Activity =
Search the data below for the string "IFCLOCALPLACEMENT" and copy all lines where it shows up.

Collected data
※ ※ ※

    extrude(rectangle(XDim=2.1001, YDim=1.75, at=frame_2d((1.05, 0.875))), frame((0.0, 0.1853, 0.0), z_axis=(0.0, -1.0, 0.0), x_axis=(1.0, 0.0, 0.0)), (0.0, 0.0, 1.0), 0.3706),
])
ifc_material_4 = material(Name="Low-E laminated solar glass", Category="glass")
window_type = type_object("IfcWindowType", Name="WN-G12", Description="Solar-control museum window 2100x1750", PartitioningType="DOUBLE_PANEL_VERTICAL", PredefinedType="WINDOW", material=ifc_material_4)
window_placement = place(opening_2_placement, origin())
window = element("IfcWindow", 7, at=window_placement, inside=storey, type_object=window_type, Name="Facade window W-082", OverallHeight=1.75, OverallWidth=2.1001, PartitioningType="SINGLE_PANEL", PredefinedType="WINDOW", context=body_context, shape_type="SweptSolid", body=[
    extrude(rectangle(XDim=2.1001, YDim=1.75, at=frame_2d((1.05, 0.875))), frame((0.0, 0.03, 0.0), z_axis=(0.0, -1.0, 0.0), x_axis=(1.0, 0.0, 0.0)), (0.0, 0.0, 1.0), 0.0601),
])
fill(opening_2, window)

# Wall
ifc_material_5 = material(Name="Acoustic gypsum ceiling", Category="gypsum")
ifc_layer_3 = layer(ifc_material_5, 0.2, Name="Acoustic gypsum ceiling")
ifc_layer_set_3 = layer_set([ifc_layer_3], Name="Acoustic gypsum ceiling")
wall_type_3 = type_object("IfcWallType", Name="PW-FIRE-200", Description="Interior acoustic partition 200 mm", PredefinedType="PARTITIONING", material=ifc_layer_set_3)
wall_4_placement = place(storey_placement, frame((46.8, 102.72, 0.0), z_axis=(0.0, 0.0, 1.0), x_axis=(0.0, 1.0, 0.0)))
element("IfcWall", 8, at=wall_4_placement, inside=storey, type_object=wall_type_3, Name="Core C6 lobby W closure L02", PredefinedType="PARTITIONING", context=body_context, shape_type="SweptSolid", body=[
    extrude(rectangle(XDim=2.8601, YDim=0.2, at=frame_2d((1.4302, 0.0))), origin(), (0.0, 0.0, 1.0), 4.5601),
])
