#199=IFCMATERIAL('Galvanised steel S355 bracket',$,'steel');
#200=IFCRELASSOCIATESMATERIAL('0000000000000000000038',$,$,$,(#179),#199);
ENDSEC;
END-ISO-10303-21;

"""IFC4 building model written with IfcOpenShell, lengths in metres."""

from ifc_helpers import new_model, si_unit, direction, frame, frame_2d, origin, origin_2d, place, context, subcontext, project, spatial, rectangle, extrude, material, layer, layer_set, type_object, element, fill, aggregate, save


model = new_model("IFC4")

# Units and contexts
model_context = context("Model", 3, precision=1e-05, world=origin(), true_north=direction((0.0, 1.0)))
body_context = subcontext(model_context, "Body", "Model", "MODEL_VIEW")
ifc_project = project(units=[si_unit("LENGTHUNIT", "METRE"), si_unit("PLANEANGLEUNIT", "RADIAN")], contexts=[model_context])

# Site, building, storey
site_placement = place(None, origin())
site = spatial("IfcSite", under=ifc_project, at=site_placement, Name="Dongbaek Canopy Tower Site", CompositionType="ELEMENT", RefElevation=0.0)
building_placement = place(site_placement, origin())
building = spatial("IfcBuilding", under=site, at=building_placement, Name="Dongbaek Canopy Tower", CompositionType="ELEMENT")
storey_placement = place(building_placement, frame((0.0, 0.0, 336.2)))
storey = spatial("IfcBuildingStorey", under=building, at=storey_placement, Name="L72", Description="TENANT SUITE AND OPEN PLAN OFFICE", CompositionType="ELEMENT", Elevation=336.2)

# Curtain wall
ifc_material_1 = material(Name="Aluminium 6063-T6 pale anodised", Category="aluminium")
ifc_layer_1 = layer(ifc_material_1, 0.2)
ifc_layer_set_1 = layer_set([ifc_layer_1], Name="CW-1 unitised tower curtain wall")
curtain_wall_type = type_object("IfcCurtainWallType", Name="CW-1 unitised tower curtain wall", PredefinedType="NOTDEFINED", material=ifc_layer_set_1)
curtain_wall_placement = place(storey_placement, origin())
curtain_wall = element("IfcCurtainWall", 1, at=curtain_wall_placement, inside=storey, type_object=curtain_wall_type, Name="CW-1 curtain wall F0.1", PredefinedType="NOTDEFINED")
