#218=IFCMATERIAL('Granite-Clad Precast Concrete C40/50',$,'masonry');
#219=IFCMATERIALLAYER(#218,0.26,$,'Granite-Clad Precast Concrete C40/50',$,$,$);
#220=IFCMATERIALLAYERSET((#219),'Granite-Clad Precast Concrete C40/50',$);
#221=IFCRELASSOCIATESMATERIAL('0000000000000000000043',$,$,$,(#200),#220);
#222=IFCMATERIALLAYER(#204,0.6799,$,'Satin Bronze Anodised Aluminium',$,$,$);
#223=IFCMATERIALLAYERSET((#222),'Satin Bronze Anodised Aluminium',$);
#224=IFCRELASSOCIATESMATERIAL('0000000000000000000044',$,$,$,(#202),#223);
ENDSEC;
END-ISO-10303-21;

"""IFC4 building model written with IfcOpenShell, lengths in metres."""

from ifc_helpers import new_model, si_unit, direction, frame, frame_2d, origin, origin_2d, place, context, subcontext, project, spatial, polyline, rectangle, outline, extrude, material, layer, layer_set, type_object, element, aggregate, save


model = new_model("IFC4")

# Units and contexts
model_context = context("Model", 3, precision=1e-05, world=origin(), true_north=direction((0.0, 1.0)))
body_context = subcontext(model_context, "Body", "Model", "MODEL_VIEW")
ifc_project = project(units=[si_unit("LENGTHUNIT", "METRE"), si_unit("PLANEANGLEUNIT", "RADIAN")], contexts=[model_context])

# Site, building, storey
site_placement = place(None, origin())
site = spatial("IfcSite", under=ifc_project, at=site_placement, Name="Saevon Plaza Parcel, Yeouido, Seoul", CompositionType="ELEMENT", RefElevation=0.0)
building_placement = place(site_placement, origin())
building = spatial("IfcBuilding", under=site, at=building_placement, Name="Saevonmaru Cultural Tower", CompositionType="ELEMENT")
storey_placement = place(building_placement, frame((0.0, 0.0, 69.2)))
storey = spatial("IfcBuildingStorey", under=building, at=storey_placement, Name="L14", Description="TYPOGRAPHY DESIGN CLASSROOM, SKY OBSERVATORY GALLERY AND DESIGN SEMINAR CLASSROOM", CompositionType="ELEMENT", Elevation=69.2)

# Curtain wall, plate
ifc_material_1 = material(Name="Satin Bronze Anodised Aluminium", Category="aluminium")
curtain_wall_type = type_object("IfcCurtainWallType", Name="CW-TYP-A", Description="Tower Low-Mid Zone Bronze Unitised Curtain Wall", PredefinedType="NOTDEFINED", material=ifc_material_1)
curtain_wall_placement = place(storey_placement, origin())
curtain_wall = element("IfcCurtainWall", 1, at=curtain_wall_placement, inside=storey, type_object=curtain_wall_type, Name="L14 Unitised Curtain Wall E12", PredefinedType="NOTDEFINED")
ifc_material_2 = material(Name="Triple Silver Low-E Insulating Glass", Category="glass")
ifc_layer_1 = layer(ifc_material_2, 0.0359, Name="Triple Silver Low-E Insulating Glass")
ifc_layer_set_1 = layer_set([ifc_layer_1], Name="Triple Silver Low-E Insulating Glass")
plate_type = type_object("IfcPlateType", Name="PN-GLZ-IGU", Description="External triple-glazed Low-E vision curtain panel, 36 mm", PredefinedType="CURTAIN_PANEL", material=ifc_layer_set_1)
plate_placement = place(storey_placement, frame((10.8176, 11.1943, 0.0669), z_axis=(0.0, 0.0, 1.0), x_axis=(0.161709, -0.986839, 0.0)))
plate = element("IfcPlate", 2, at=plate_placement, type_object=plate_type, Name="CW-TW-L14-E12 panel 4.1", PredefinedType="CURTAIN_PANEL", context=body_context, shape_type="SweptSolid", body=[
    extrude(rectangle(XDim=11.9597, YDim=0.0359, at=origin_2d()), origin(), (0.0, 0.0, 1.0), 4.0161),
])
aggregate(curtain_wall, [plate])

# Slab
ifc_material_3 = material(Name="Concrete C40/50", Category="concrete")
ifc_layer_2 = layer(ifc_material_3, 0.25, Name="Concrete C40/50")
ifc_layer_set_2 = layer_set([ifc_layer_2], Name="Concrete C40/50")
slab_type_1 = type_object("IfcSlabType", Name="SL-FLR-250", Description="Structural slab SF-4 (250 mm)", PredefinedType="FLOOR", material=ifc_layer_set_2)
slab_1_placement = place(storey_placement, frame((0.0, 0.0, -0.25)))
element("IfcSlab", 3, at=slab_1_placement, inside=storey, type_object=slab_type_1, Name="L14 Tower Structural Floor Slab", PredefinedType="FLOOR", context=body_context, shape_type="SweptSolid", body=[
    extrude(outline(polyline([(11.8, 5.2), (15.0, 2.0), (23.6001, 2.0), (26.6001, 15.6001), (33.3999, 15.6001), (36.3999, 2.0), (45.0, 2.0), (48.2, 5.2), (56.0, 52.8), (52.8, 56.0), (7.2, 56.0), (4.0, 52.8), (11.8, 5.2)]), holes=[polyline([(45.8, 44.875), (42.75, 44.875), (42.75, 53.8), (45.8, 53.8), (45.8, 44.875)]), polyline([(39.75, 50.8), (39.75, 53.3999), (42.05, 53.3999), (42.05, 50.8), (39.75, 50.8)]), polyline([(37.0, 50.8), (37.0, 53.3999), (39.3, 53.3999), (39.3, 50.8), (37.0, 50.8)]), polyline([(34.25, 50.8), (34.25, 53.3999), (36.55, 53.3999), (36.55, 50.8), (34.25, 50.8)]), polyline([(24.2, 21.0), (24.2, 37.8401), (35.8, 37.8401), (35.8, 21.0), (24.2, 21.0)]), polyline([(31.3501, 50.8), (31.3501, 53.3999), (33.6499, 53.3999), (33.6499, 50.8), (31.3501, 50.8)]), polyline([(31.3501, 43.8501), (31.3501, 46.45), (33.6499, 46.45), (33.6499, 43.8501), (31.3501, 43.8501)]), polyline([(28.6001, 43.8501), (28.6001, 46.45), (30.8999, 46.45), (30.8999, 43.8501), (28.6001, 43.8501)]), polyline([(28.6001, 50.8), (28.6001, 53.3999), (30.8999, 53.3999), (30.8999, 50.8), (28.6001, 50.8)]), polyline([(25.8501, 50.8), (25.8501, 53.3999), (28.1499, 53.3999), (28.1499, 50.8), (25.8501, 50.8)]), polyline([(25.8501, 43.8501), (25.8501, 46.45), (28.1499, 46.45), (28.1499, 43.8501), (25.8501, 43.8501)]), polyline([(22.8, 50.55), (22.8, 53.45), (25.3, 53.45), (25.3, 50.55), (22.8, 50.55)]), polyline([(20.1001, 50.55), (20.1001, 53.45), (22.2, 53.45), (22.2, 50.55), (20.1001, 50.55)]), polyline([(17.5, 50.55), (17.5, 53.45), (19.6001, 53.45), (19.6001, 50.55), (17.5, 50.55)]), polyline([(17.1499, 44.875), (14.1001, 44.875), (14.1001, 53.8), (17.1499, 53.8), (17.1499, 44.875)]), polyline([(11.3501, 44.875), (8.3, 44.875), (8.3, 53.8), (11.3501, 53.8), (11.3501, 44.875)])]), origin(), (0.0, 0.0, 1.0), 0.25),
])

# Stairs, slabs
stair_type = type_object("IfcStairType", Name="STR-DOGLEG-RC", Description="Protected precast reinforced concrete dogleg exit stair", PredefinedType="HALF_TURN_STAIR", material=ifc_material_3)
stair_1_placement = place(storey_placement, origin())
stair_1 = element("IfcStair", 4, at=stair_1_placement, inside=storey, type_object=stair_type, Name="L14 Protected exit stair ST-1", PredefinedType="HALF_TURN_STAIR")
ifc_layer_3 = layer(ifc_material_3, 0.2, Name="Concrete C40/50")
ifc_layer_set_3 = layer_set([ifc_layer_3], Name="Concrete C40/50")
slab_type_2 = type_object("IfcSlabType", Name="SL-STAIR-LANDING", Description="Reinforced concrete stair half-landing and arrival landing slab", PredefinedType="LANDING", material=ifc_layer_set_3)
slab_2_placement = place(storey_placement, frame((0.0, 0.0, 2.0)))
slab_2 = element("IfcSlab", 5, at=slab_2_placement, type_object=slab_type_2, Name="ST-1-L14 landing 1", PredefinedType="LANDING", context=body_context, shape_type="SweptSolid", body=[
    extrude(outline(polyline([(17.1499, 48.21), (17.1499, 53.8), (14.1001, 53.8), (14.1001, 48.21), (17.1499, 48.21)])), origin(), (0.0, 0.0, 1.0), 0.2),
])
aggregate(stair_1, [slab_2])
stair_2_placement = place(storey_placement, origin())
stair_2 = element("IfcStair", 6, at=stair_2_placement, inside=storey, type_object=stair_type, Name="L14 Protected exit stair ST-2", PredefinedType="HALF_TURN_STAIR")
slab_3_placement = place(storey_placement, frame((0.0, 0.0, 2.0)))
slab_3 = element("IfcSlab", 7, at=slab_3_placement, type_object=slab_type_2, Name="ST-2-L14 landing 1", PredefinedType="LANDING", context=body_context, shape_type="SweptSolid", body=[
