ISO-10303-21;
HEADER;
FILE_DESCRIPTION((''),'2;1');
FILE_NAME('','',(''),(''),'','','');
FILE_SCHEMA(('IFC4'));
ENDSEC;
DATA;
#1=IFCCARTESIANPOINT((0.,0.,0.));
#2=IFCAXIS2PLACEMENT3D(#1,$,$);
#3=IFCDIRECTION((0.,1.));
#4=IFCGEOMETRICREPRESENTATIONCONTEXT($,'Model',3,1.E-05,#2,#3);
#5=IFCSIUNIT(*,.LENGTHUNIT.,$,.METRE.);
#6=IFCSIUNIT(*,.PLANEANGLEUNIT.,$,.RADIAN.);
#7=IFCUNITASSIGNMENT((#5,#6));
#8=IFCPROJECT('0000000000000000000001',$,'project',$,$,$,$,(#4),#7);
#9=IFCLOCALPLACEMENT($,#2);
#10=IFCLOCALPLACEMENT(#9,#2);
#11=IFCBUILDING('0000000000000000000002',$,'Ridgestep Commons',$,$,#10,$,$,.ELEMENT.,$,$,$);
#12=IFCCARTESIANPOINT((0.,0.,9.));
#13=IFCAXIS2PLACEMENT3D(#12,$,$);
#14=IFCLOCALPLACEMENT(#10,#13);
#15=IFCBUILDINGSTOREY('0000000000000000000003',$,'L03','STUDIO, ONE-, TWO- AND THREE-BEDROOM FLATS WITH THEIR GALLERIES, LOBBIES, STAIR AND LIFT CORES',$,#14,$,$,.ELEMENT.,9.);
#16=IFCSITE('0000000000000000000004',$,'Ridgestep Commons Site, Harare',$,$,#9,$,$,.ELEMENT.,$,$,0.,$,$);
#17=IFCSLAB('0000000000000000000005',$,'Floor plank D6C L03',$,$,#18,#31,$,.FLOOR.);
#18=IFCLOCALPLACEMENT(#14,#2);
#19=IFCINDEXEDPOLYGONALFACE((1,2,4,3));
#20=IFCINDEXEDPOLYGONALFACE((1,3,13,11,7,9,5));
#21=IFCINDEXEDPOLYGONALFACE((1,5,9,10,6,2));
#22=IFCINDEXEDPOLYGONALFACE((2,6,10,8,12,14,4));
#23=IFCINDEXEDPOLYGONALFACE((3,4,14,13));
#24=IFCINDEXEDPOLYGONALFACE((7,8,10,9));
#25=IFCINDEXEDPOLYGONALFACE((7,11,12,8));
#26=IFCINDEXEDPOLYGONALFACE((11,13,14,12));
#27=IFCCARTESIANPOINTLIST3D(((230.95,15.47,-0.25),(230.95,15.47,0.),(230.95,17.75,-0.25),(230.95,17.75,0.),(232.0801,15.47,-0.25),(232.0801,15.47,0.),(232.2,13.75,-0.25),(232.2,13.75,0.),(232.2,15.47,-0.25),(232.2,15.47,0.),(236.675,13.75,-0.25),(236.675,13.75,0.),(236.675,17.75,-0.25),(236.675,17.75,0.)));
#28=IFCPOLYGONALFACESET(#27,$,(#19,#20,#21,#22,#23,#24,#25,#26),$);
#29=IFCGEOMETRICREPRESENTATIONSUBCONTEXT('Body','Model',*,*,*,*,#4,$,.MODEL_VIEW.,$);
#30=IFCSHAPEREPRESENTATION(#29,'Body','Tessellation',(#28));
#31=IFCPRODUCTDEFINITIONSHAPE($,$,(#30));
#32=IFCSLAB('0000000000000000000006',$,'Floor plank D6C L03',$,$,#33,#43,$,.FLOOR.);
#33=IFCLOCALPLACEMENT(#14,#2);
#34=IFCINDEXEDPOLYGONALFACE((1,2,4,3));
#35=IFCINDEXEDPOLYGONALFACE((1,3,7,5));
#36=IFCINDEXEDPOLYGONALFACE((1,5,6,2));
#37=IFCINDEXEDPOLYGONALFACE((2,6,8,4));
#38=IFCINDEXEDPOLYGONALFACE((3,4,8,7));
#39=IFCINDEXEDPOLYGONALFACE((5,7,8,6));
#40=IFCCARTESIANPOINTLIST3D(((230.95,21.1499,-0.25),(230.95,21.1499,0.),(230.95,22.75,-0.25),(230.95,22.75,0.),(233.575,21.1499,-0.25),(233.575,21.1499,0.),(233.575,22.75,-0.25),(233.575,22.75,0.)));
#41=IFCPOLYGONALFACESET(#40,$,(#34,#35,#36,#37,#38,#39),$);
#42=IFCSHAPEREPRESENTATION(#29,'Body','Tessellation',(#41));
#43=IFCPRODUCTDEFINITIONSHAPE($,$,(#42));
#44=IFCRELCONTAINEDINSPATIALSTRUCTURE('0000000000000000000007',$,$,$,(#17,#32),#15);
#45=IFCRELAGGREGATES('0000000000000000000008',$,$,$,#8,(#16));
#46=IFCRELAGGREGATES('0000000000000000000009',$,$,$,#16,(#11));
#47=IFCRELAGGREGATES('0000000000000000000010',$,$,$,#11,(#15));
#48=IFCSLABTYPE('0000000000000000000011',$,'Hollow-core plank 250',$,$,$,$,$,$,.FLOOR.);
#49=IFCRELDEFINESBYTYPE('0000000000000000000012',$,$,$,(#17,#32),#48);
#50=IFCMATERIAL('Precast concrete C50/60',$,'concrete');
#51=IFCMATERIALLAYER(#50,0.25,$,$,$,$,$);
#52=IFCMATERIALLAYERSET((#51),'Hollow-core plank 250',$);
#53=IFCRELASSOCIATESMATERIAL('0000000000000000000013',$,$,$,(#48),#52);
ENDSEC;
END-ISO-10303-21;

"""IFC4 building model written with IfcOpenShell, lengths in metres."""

from ifc_helpers import new_model, si_unit, direction, frame, origin, place, context, subcontext, project, spatial, polyline, outline, extrude, material, layer, layer_set, type_object, element, save


model = new_model("IFC4")

# Units and contexts
model_context = context("Model", 3, precision=1e-05, world=origin(), true_north=direction((0.0, 1.0)))
body_context = subcontext(model_context, "Body", "Model", "MODEL_VIEW")
ifc_project = project(units=[si_unit("LENGTHUNIT", "METRE"), si_unit("PLANEANGLEUNIT", "RADIAN")], contexts=[model_context])

# Site, building, storey
site_placement = place(None, origin())
site = spatial("IfcSite", under=ifc_project, at=site_placement, Name="Ridgestep Commons Site, Harare", CompositionType="ELEMENT", RefElevation=0.0)
building_placement = place(site_placement, origin())
building = spatial("IfcBuilding", under=site, at=building_placement, Name="Ridgestep Commons", CompositionType="ELEMENT")
storey_placement = place(building_placement, frame((0.0, 0.0, 9.0)))
storey = spatial("IfcBuildingStorey", under=building, at=storey_placement, Name="L03", Description="STUDIO, ONE-, TWO- AND THREE-BEDROOM FLATS WITH THEIR GALLERIES, LOBBIES, STAIR AND LIFT CORES", CompositionType="ELEMENT", Elevation=9.0)

# Slabs
ifc_material = material(Name="Precast concrete C50/60", Category="concrete")
ifc_layer = layer(ifc_material, 0.25)
ifc_layer_set = layer_set([ifc_layer], Name="Hollow-core plank 250")
slab_type = type_object("IfcSlabType", Name="Hollow-core plank 250", PredefinedType="FLOOR", material=ifc_layer_set)
slab_1_placement = place(storey_placement, frame((0.0, 0.0, -0.25)))
element("IfcSlab", 1, at=slab_1_placement, inside=storey, type_object=slab_type, Name="Floor plank D6C L03", PredefinedType="FLOOR", context=body_context, shape_type="SweptSolid", body=[
    extrude(outline(polyline([(232.2, 13.75), (236.675, 13.75), (236.675, 17.75), (230.95, 17.75), (230.95, 15.47), (232.0801, 15.47), (232.2, 15.47), (232.2, 13.75)])), origin(), (0.0, 0.0, 1.0), 0.25),
])
slab_2_placement = place(storey_placement, frame((0.0, 0.0, -0.25)))
element("IfcSlab", 2, at=slab_2_placement, inside=storey, type_object=slab_type, Name="Floor plank D6C L03", PredefinedType="FLOOR", context=body_context, shape_type="SweptSolid", body=[
    extrude(outline(polyline([(233.575, 22.75), (230.95, 22.75), (230.95, 21.1499), (233.575, 21.1499), (233.575, 22.75)])), origin(), (0.0, 0.0, 1.0), 0.25),
])

save(model, "model.ifc")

※ ※ ※

Exercise response =
#9=IFCLOCALPLACEMENT($,#2);
#10=IFCLOCALPLACEMENT(#9,#2);
#14=IFCLOCALPLACEMENT(#10,#13);
#18=IFCLOCALPLACEMENT(#14,#2);
#33=IFCLOCALPLACEMENT(#14,#2);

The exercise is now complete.